Exercise prompt: When the string "high" appears in a line of the records, show the whole line.

───

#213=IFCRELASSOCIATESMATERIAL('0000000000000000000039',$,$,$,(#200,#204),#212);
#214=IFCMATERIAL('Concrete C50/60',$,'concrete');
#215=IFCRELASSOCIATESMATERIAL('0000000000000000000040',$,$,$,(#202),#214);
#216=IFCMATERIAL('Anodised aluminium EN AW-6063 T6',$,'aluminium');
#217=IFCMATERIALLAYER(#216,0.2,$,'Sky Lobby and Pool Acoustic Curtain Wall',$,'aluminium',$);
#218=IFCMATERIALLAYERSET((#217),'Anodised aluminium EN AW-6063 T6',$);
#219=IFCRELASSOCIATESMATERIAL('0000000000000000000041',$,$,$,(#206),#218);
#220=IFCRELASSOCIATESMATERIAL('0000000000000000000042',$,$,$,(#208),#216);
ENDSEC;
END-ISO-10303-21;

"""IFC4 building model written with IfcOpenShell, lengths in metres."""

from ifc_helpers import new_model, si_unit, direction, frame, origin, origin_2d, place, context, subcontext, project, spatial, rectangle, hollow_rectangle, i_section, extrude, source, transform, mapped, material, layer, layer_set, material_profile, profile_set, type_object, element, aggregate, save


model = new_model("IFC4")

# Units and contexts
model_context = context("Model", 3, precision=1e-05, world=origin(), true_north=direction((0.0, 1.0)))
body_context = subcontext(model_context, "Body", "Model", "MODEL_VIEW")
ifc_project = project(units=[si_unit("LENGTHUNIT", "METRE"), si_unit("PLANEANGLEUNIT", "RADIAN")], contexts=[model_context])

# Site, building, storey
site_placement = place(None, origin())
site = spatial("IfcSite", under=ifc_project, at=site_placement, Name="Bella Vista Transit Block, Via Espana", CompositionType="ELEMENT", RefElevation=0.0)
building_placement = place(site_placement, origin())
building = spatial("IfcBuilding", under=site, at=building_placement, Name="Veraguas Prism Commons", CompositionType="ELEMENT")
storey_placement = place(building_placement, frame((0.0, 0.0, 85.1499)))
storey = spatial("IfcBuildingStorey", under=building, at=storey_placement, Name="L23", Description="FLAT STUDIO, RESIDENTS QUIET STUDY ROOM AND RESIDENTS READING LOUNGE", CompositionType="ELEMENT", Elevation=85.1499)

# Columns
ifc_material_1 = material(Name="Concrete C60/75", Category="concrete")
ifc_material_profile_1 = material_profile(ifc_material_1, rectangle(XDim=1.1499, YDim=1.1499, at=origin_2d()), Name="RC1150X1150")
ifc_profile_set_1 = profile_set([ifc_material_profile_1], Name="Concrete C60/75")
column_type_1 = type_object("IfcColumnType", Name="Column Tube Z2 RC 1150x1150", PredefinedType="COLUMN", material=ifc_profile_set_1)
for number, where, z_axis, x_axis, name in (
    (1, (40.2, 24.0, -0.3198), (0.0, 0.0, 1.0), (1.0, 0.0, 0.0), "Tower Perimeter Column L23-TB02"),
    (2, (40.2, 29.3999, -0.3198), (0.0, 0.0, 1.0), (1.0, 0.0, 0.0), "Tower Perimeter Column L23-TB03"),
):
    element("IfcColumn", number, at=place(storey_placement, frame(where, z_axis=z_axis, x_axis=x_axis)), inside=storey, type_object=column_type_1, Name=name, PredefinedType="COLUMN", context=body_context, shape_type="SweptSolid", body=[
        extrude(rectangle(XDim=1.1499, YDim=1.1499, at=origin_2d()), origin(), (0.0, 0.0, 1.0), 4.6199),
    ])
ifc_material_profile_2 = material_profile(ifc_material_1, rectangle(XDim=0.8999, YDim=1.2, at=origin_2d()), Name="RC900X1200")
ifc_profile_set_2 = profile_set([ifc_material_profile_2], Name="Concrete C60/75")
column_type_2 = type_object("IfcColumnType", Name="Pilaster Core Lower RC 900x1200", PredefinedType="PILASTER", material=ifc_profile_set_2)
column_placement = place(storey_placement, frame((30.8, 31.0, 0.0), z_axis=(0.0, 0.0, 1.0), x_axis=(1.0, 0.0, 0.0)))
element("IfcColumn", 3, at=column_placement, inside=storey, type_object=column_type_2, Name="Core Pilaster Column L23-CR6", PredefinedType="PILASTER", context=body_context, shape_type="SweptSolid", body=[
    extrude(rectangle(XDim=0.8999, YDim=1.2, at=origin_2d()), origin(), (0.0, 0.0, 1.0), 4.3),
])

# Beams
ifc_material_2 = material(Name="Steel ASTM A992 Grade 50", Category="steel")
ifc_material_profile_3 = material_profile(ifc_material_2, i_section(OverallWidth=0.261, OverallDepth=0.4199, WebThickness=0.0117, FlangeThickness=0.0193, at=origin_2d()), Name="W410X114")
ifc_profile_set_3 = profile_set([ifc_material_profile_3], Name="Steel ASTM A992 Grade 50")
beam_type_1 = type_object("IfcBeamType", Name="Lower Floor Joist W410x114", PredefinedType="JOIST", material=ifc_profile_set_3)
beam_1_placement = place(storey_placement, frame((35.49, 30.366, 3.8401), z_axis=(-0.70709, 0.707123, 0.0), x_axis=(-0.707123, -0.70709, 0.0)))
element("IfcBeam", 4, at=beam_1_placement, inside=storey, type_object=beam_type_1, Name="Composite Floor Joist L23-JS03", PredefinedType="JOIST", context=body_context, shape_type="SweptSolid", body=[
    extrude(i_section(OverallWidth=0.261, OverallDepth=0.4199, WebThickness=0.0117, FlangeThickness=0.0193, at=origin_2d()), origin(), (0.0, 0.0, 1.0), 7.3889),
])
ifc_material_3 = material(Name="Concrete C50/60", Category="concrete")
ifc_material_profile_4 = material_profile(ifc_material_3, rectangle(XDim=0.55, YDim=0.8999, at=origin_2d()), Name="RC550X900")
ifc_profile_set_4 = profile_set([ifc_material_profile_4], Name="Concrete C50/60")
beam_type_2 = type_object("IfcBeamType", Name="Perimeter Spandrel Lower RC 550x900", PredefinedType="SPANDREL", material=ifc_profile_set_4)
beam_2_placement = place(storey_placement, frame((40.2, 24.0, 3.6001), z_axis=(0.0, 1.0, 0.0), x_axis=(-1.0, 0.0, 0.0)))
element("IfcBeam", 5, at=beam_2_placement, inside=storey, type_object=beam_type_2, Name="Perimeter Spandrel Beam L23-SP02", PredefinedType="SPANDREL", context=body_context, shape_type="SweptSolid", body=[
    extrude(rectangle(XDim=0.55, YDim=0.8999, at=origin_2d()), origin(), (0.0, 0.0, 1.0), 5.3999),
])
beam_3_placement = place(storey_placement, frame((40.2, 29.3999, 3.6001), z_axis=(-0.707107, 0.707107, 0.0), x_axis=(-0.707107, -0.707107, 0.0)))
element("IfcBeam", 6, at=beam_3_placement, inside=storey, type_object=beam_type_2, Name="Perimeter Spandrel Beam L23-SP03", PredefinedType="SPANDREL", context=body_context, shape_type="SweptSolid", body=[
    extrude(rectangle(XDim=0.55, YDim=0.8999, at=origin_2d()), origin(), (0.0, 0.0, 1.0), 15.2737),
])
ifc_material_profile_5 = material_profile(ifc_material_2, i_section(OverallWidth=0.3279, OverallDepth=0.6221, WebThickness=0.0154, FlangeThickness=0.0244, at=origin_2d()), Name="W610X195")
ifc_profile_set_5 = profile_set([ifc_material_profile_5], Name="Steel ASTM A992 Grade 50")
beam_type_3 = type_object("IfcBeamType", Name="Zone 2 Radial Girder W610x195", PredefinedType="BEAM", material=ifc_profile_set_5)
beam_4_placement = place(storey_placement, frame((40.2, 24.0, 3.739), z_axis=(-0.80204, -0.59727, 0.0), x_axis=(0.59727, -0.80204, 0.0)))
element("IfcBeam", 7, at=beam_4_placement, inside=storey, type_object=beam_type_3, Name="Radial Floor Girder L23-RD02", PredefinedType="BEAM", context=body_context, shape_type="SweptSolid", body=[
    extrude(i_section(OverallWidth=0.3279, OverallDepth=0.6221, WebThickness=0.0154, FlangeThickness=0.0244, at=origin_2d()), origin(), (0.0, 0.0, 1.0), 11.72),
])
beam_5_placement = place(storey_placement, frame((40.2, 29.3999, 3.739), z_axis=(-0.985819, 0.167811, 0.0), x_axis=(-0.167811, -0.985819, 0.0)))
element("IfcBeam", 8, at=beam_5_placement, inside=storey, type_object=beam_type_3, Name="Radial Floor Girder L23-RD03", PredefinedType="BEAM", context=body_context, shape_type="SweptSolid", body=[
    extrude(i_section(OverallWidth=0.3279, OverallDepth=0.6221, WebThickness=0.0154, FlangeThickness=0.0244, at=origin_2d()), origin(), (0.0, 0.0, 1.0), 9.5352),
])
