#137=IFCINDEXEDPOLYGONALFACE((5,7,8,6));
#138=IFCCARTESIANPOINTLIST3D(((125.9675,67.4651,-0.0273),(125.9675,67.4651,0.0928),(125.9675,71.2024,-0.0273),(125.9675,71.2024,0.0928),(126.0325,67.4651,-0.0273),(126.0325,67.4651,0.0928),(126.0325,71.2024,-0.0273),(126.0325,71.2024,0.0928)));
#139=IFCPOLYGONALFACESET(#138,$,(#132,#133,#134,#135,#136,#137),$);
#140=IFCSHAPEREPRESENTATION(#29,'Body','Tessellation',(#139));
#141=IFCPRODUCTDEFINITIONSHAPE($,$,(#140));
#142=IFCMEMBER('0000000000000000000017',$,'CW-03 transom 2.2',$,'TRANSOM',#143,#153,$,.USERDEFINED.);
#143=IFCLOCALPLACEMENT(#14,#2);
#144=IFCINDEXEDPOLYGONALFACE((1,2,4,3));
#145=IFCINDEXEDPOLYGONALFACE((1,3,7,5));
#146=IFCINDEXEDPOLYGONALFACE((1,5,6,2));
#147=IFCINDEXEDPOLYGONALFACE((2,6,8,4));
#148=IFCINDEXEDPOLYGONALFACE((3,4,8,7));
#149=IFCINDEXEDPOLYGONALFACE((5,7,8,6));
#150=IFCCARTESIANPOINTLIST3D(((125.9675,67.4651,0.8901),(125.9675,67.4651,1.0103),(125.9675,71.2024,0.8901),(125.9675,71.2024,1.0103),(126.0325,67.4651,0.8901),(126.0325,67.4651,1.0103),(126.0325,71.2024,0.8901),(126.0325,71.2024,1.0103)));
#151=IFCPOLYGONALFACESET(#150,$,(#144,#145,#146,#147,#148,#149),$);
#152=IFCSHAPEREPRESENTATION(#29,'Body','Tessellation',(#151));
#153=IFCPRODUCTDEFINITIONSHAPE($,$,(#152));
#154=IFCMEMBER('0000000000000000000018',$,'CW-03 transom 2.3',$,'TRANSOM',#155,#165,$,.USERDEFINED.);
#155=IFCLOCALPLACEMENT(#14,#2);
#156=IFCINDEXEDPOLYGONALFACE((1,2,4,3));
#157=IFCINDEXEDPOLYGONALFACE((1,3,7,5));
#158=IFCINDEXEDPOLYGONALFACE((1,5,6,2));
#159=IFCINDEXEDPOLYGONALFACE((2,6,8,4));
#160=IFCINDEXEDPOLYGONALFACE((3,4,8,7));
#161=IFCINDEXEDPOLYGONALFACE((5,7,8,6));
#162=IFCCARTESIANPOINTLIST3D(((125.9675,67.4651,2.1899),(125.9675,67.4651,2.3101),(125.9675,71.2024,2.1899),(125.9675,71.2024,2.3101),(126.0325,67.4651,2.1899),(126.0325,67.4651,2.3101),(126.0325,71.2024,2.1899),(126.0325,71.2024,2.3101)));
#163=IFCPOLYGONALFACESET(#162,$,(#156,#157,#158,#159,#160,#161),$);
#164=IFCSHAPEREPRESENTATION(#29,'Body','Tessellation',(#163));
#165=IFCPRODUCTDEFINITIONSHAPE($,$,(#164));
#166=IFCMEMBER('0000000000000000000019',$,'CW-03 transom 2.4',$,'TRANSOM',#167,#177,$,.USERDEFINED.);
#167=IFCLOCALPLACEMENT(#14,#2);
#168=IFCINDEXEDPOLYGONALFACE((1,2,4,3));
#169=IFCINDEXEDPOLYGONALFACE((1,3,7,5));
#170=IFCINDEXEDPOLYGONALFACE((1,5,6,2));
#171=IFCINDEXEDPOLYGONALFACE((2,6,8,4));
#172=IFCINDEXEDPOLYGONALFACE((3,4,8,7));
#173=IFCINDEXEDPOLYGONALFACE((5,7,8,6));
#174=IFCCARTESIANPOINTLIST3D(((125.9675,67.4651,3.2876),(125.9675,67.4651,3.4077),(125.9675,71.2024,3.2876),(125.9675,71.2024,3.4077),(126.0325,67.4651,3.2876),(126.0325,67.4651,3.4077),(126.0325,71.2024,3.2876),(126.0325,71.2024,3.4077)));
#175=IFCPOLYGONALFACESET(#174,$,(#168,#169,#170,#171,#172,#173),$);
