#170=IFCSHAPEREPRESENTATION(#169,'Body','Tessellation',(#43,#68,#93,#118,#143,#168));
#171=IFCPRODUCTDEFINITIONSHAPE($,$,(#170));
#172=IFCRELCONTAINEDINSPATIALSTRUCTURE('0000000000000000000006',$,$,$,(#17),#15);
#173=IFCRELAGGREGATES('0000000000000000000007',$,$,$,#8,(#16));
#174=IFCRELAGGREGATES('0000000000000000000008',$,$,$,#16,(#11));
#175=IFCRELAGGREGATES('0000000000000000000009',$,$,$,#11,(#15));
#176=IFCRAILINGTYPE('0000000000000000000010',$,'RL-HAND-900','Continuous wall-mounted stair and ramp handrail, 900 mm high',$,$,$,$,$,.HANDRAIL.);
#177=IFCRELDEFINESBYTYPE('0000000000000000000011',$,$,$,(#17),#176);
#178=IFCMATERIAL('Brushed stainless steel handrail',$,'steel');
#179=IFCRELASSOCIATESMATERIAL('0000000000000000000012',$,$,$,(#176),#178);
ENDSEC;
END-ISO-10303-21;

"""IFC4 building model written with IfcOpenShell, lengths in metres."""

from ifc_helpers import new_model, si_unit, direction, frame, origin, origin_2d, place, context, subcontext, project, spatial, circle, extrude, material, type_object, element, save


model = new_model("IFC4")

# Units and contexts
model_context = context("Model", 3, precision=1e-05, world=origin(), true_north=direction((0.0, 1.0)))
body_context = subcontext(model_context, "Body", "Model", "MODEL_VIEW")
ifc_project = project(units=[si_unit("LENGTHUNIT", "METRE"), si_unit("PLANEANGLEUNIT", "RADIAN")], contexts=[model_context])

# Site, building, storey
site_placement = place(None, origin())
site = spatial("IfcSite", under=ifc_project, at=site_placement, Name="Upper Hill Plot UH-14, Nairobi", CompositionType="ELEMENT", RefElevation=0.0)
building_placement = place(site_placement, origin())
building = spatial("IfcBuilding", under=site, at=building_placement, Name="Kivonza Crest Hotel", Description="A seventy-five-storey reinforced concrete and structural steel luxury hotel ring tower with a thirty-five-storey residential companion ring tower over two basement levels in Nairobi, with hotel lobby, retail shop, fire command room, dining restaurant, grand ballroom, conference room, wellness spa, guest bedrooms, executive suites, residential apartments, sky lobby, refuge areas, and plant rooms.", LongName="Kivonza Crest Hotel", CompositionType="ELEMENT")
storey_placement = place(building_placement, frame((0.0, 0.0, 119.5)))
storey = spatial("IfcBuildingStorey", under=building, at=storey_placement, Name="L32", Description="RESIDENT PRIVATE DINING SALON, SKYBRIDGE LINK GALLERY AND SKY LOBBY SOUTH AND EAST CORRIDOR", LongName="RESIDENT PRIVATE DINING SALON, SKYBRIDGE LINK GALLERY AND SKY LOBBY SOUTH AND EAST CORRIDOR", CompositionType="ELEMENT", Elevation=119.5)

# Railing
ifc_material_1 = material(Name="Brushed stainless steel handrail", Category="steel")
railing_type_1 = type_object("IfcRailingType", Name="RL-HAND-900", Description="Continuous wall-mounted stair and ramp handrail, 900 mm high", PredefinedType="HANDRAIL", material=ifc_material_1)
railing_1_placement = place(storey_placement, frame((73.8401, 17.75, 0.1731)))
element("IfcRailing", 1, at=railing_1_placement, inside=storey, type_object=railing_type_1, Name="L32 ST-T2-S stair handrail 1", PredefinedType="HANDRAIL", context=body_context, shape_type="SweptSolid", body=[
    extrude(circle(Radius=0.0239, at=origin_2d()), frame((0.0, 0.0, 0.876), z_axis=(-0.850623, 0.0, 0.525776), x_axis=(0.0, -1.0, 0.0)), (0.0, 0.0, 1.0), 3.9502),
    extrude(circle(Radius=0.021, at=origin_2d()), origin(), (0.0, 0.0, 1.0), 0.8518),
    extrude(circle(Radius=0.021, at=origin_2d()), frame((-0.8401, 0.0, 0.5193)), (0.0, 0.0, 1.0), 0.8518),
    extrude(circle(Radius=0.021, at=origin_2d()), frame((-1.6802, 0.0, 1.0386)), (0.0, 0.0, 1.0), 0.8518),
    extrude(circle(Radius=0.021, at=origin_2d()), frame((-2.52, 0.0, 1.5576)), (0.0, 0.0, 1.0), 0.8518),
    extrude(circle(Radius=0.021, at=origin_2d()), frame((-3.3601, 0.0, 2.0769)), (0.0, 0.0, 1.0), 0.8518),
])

───

Solution below:
#176=IFCRAILINGTYPE('0000000000000000000010',$,'RL-HAND-900','Continuous wall-mounted stair and ramp handrail, 900 mm high',$,$,$,$,$,.HANDRAIL.);
railing_type_1 = type_object("IfcRailingType", Name="RL-HAND-900", Description="Continuous wall-mounted stair and ramp handrail, 900 mm high", PredefinedType="HANDRAIL", material=ifc_material_1)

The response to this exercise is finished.